▶ EXERCISE DIRECTIONS:
From the records below, please repeat exactly the line that has "#179=IFCINDEXEDPOLYGONALFACE((1,2,4,3));", the line that has "#191=IFCINDEXEDPOLYGONALFACE((3,4,8,7));", and every line between them, and nothing else.

▶ DATA FOR PROCESSING:
______

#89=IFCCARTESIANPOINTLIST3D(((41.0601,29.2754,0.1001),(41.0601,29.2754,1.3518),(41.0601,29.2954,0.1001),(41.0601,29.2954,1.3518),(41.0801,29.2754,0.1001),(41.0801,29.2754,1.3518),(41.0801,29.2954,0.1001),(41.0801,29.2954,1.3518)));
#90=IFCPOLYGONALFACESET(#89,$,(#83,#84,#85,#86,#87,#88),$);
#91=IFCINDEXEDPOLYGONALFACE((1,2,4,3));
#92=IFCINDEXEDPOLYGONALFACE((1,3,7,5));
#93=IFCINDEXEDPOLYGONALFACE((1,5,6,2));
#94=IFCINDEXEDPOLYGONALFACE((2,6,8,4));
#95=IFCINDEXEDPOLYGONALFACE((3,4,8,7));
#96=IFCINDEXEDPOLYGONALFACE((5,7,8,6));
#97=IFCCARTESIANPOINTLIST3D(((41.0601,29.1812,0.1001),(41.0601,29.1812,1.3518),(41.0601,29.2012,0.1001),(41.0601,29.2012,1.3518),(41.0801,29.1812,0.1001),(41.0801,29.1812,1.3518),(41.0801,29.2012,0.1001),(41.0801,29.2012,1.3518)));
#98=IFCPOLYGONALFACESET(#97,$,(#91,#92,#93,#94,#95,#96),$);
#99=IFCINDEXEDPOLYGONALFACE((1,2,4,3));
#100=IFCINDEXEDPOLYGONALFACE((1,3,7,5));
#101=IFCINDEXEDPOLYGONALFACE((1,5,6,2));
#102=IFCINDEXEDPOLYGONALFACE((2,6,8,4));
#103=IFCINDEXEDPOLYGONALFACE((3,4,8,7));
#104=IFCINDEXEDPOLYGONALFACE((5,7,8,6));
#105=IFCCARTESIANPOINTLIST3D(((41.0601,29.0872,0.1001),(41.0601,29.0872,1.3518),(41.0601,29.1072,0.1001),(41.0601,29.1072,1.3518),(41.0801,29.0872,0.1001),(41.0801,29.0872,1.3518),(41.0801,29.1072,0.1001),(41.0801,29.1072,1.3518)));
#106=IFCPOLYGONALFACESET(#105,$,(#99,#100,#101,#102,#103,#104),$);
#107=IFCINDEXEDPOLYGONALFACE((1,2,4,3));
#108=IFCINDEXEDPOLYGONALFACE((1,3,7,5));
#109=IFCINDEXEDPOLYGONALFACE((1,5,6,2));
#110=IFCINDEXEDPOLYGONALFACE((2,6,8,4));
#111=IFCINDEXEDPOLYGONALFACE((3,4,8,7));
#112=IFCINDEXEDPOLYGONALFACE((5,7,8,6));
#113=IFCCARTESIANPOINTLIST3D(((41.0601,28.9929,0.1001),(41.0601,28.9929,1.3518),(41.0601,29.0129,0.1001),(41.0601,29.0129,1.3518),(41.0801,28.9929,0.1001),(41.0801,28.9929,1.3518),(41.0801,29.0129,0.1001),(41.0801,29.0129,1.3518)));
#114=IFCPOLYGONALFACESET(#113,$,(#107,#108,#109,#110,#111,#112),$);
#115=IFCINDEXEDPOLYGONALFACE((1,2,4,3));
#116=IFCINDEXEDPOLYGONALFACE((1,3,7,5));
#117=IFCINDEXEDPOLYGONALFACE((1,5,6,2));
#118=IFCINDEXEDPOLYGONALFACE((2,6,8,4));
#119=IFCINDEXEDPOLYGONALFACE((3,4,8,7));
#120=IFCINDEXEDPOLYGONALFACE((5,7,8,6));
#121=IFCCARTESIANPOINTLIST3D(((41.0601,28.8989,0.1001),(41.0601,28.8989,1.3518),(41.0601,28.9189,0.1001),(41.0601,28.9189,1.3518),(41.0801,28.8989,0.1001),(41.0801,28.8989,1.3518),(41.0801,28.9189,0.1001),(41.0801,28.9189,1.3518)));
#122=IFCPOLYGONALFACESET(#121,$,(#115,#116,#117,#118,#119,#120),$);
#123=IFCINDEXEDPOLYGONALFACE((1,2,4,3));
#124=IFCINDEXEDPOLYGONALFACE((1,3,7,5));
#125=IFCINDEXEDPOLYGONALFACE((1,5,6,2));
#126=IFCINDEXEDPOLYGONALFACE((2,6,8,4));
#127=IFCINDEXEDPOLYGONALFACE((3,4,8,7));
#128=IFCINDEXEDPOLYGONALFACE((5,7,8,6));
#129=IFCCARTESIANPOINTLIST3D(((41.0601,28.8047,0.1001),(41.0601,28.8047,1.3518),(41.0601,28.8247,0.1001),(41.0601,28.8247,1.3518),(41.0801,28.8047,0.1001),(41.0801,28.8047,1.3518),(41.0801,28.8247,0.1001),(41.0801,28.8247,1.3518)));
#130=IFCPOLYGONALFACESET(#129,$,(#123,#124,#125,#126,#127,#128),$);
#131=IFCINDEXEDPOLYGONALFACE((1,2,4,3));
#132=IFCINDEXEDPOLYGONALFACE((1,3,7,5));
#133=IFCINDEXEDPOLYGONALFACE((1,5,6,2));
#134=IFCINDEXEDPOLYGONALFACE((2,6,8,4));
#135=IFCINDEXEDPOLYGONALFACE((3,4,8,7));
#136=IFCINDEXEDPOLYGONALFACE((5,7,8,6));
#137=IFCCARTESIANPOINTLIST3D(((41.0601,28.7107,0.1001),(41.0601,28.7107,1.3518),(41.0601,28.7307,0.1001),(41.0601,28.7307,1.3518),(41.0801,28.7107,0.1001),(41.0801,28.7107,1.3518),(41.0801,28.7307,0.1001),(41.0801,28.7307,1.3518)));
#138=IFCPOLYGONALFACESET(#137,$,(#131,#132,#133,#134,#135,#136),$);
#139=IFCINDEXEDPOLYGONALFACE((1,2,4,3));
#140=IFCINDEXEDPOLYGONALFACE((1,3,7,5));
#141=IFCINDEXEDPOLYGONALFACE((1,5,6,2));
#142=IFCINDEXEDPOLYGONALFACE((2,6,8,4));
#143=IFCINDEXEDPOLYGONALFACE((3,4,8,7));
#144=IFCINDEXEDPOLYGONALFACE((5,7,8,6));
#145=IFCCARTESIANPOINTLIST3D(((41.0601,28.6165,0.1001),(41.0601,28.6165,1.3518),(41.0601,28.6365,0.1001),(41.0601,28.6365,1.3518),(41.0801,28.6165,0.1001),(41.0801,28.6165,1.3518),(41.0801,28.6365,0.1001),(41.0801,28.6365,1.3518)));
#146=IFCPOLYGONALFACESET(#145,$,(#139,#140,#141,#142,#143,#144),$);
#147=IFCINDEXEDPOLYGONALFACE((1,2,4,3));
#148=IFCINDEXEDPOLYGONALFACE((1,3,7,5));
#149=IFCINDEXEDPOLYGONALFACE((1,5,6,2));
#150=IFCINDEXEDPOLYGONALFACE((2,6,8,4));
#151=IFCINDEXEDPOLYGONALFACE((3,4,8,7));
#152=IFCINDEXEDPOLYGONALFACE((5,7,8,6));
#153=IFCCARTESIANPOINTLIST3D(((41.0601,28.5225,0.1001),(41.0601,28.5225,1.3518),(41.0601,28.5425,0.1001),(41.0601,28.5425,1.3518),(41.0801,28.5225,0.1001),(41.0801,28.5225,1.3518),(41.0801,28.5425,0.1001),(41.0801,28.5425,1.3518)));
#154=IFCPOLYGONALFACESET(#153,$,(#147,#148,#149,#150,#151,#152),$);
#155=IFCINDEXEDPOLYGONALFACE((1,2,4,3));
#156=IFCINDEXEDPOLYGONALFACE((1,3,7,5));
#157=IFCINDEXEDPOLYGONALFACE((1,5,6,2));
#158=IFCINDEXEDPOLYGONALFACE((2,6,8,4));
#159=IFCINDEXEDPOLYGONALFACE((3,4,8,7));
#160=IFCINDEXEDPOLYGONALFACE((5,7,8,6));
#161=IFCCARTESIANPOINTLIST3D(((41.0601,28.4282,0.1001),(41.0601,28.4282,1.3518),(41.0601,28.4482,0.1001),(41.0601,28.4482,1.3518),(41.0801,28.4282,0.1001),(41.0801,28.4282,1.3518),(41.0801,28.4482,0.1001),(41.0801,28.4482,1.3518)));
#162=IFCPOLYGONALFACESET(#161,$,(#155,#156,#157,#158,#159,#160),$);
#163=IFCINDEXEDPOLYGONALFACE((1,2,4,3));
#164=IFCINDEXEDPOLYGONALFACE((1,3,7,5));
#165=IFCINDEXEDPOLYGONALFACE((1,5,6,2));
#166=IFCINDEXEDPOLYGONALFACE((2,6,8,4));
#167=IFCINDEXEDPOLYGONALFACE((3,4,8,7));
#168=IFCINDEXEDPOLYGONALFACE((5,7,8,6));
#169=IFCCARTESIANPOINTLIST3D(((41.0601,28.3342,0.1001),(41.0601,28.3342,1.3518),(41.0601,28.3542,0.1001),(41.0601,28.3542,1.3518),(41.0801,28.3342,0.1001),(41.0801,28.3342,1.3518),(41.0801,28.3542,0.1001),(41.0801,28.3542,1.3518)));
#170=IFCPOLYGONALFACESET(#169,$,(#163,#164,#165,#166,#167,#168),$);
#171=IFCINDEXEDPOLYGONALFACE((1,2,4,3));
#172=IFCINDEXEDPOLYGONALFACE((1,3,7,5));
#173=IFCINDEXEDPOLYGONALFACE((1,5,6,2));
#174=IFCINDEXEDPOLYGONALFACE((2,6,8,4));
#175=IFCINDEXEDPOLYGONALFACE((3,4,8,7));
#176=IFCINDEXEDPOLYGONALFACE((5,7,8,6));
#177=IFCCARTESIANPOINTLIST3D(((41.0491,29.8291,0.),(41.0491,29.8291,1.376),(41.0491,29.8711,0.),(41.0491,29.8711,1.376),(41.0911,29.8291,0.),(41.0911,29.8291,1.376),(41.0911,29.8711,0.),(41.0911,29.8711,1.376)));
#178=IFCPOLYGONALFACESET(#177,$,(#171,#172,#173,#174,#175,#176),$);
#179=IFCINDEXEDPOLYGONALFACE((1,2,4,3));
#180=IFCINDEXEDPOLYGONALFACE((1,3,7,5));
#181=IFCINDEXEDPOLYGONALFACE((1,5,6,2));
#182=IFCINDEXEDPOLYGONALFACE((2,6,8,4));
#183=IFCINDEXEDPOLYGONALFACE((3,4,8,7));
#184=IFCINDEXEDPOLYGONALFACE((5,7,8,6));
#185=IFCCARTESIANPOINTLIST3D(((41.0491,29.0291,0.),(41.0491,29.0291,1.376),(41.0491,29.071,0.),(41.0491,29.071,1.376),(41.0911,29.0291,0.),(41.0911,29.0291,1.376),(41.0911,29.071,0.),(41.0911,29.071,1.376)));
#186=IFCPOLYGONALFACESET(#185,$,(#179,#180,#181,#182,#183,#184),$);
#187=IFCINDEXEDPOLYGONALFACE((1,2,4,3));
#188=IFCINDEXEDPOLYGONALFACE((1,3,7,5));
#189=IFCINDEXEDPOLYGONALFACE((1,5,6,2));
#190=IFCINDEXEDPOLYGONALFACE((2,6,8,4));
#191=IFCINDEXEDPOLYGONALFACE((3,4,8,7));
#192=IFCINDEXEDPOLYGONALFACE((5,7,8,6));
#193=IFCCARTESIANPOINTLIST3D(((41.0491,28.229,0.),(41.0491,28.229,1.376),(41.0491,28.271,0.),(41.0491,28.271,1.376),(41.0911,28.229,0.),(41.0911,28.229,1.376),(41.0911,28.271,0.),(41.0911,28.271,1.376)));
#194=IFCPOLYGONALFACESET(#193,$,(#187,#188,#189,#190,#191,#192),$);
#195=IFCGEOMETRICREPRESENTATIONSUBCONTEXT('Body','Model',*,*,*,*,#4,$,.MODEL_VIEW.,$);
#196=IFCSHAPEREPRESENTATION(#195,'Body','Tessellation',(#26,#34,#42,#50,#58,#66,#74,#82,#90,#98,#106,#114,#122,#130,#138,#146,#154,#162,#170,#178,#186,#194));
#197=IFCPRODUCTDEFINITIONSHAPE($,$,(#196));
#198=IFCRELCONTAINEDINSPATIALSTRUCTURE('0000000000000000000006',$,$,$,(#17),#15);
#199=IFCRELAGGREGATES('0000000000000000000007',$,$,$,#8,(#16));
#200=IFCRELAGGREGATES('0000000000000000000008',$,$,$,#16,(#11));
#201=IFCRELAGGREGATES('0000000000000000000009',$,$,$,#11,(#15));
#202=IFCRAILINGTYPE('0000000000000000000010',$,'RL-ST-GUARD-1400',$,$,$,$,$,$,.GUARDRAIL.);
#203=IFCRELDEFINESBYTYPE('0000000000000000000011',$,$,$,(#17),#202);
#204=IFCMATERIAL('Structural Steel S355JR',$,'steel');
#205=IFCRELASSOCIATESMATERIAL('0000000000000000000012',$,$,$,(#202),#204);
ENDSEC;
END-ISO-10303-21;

______

▶ PROBLEM SOLUTION:
#179=IFCINDEXEDPOLYGONALFACE((1,2,4,3));
#180=IFCINDEXEDPOLYGONALFACE((1,3,7,5));
#181=IFCINDEXEDPOLYGONALFACE((1,5,6,2));
#182=IFCINDEXEDPOLYGONALFACE((2,6,8,4));
#183=IFCINDEXEDPOLYGONALFACE((3,4,8,7));
#184=IFCINDEXEDPOLYGONALFACE((5,7,8,6));
#185=IFCCARTESIANPOINTLIST3D(((41.0491,29.0291,0.),(41.0491,29.0291,1.376),(41.0491,29.071,0.),(41.0491,29.071,1.376),(41.0911,29.0291,0.),(41.0911,29.0291,1.376),(41.0911,29.071,0.),(41.0911,29.071,1.376)));
#186=IFCPOLYGONALFACESET(#185,$,(#179,#180,#181,#182,#183,#184),$);
#187=IFCINDEXEDPOLYGONALFACE((1,2,4,3));
#188=IFCINDEXEDPOLYGONALFACE((1,3,7,5));
#189=IFCINDEXEDPOLYGONALFACE((1,5,6,2));
#190=IFCINDEXEDPOLYGONALFACE((2,6,8,4));
#191=IFCINDEXEDPOLYGONALFACE((3,4,8,7));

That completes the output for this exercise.